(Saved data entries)
==============================

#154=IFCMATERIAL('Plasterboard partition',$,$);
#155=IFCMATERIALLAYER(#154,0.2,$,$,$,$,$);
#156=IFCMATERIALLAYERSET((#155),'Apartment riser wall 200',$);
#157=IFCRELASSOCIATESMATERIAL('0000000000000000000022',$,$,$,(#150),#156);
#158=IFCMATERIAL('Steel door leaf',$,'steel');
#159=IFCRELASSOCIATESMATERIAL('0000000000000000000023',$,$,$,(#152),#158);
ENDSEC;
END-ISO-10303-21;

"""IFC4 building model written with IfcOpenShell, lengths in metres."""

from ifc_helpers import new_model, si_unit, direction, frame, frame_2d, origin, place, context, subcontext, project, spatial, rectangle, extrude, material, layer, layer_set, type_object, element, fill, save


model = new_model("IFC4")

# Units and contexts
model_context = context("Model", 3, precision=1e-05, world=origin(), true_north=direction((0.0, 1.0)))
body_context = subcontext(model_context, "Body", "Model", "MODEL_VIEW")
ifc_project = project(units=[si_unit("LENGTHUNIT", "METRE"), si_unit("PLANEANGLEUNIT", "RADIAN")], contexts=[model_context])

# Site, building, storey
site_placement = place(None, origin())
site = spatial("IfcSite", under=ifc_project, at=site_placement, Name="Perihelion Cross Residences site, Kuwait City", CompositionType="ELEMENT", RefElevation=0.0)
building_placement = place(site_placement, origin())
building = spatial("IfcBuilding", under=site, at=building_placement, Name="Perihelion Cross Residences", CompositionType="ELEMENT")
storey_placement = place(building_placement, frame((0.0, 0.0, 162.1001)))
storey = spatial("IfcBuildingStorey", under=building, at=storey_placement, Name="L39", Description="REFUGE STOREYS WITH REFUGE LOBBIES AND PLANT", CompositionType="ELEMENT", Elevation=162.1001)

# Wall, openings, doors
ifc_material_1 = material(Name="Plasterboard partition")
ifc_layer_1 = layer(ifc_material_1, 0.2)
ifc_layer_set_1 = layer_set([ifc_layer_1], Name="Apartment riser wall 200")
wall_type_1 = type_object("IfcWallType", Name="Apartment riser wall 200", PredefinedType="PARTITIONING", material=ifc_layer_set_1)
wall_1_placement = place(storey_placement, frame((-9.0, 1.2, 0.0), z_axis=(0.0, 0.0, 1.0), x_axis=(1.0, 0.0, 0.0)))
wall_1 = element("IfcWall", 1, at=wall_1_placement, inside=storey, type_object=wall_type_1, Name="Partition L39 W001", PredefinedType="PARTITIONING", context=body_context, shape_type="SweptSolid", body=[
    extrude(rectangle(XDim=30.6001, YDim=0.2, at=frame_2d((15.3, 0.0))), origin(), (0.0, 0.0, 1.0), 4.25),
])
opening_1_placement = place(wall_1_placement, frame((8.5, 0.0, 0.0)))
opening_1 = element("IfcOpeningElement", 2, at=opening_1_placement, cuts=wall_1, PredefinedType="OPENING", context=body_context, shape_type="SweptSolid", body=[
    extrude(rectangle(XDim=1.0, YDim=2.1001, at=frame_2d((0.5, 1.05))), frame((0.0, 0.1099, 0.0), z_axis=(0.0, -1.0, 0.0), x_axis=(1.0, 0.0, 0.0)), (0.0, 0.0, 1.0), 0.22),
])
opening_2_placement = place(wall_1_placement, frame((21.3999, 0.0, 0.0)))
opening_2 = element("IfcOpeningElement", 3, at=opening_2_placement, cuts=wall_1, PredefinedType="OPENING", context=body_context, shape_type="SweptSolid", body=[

==============================

## [What the task requires]
Nothing in the records may be left out; transcribe all of them exactly.

## [Response for this exercise]
#154=IFCMATERIAL('Plasterboard partition',$,$);
#155=IFCMATERIALLAYER(#154,0.2,$,$,$,$,$);
#156=IFCMATERIALLAYERSET((#155),'Apartment riser wall 200',$);
#157=IFCRELASSOCIATESMATERIAL('0000000000000000000022',$,$,$,(#150),#156);
#158=IFCMATERIAL('Steel door leaf',$,'steel');
#159=IFCRELASSOCIATESMATERIAL('0000000000000000000023',$,$,$,(#152),#158);
ENDSEC;
END-ISO-10303-21;

"""IFC4 building model written with IfcOpenShell, lengths in metres."""

from ifc_helpers import new_model, si_unit, direction, frame, frame_2d, origin, place, context, subcontext, project, spatial, rectangle, extrude, material, layer, layer_set, type_object, element, fill, save


model = new_model("IFC4")

# Units and contexts
model_context = context("Model", 3, precision=1e-05, world=origin(), true_north=direction((0.0, 1.0)))
body_context = subcontext(model_context, "Body", "Model", "MODEL_VIEW")
ifc_project = project(units=[si_unit("LENGTHUNIT", "METRE"), si_unit("PLANEANGLEUNIT", "RADIAN")], contexts=[model_context])

# Site, building, storey
site_placement = place(None, origin())
site = spatial("IfcSite", under=ifc_project, at=site_placement, Name="Perihelion Cross Residences site, Kuwait City", CompositionType="ELEMENT", RefElevation=0.0)
building_placement = place(site_placement, origin())
building = spatial("IfcBuilding", under=site, at=building_placement, Name="Perihelion Cross Residences", CompositionType="ELEMENT")
storey_placement = place(building_placement, frame((0.0, 0.0, 162.1001)))
storey = spatial("IfcBuildingStorey", under=building, at=storey_placement, Name="L39", Description="REFUGE STOREYS WITH REFUGE LOBBIES AND PLANT", CompositionType="ELEMENT", Elevation=162.1001)

# Wall, openings, doors
ifc_material_1 = material(Name="Plasterboard partition")
ifc_layer_1 = layer(ifc_material_1, 0.2)
ifc_layer_set_1 = layer_set([ifc_layer_1], Name="Apartment riser wall 200")
wall_type_1 = type_object("IfcWallType", Name="Apartment riser wall 200", PredefinedType="PARTITIONING", material=ifc_layer_set_1)
wall_1_placement = place(storey_placement, frame((-9.0, 1.2, 0.0), z_axis=(0.0, 0.0, 1.0), x_axis=(1.0, 0.0, 0.0)))
wall_1 = element("IfcWall", 1, at=wall_1_placement, inside=storey, type_object=wall_type_1, Name="Partition L39 W001", PredefinedType="PARTITIONING", context=body_context, shape_type="SweptSolid", body=[
    extrude(rectangle(XDim=30.6001, YDim=0.2, at=frame_2d((15.3, 0.0))), origin(), (0.0, 0.0, 1.0), 4.25),
])
opening_1_placement = place(wall_1_placement, frame((8.5, 0.0, 0.0)))
opening_1 = element("IfcOpeningElement", 2, at=opening_1_placement, cuts=wall_1, PredefinedType="OPENING", context=body_context, shape_type="SweptSolid", body=[
    extrude(rectangle(XDim=1.0, YDim=2.1001, at=frame_2d((0.5, 1.05))), frame((0.0, 0.1099, 0.0), z_axis=(0.0, -1.0, 0.0), x_axis=(1.0, 0.0, 0.0)), (0.0, 0.0, 1.0), 0.22),
])
opening_2_placement = place(wall_1_placement, frame((21.3999, 0.0, 0.0)))
opening_2 = element("IfcOpeningElement", 3, at=opening_2_placement, cuts=wall_1, PredefinedType="OPENING", context=body_context, shape_type="SweptSolid", body=[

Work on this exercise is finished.